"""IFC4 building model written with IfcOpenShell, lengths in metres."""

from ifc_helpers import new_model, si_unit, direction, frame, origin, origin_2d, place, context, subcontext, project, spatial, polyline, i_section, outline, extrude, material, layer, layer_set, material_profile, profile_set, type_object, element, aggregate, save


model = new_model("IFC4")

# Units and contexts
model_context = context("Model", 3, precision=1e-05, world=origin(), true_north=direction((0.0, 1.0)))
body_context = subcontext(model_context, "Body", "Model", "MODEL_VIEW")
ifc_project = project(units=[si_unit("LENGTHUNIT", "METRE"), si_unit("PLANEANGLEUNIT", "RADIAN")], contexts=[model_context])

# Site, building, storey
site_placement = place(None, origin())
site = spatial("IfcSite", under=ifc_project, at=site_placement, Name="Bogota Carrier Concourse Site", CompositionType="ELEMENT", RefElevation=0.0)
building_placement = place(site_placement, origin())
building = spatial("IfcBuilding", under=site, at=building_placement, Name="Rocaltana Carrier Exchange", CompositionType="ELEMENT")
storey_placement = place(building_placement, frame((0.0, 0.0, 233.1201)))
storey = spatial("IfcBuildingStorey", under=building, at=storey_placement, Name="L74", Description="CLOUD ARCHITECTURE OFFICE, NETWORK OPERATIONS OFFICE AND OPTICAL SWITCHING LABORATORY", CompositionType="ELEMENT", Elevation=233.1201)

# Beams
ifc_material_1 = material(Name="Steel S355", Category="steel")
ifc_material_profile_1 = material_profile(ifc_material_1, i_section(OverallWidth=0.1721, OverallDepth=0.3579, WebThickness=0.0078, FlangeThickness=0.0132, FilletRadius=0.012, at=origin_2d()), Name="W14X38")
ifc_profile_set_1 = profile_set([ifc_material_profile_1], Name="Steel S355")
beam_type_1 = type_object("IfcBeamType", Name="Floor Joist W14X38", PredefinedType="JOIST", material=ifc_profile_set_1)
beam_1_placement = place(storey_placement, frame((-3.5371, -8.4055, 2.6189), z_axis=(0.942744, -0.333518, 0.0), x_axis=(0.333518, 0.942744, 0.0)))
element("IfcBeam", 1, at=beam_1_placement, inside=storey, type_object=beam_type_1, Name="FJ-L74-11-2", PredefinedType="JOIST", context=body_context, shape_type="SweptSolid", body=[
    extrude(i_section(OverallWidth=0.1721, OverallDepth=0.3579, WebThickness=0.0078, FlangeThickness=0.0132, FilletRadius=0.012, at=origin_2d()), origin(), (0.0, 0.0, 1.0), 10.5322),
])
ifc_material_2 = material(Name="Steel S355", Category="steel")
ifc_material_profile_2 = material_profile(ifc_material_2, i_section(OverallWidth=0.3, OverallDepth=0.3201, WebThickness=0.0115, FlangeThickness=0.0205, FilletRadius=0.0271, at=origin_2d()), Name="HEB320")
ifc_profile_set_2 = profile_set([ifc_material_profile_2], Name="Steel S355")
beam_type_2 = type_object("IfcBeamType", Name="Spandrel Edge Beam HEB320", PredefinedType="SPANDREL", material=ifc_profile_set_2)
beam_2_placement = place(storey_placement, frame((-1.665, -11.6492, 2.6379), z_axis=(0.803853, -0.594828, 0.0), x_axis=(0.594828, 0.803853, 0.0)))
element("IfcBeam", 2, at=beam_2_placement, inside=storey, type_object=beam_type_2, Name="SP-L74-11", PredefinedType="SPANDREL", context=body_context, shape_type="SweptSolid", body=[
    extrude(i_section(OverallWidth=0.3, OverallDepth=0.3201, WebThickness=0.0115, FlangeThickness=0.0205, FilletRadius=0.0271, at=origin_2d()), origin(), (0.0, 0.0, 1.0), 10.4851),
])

····················

What you need to do
Across the material, report every line that has the word "direction".

Solution below
from ifc_helpers import new_model, si_unit, direction, frame, origin, origin_2d, place, context, subcontext, project, spatial, polyline, i_section, outline, extrude, material, layer, layer_set, material_profile, profile_set, type_object, element, aggregate, save
model_context = context("Model", 3, precision=1e-05, world=origin(), true_north=direction((0.0, 1.0)))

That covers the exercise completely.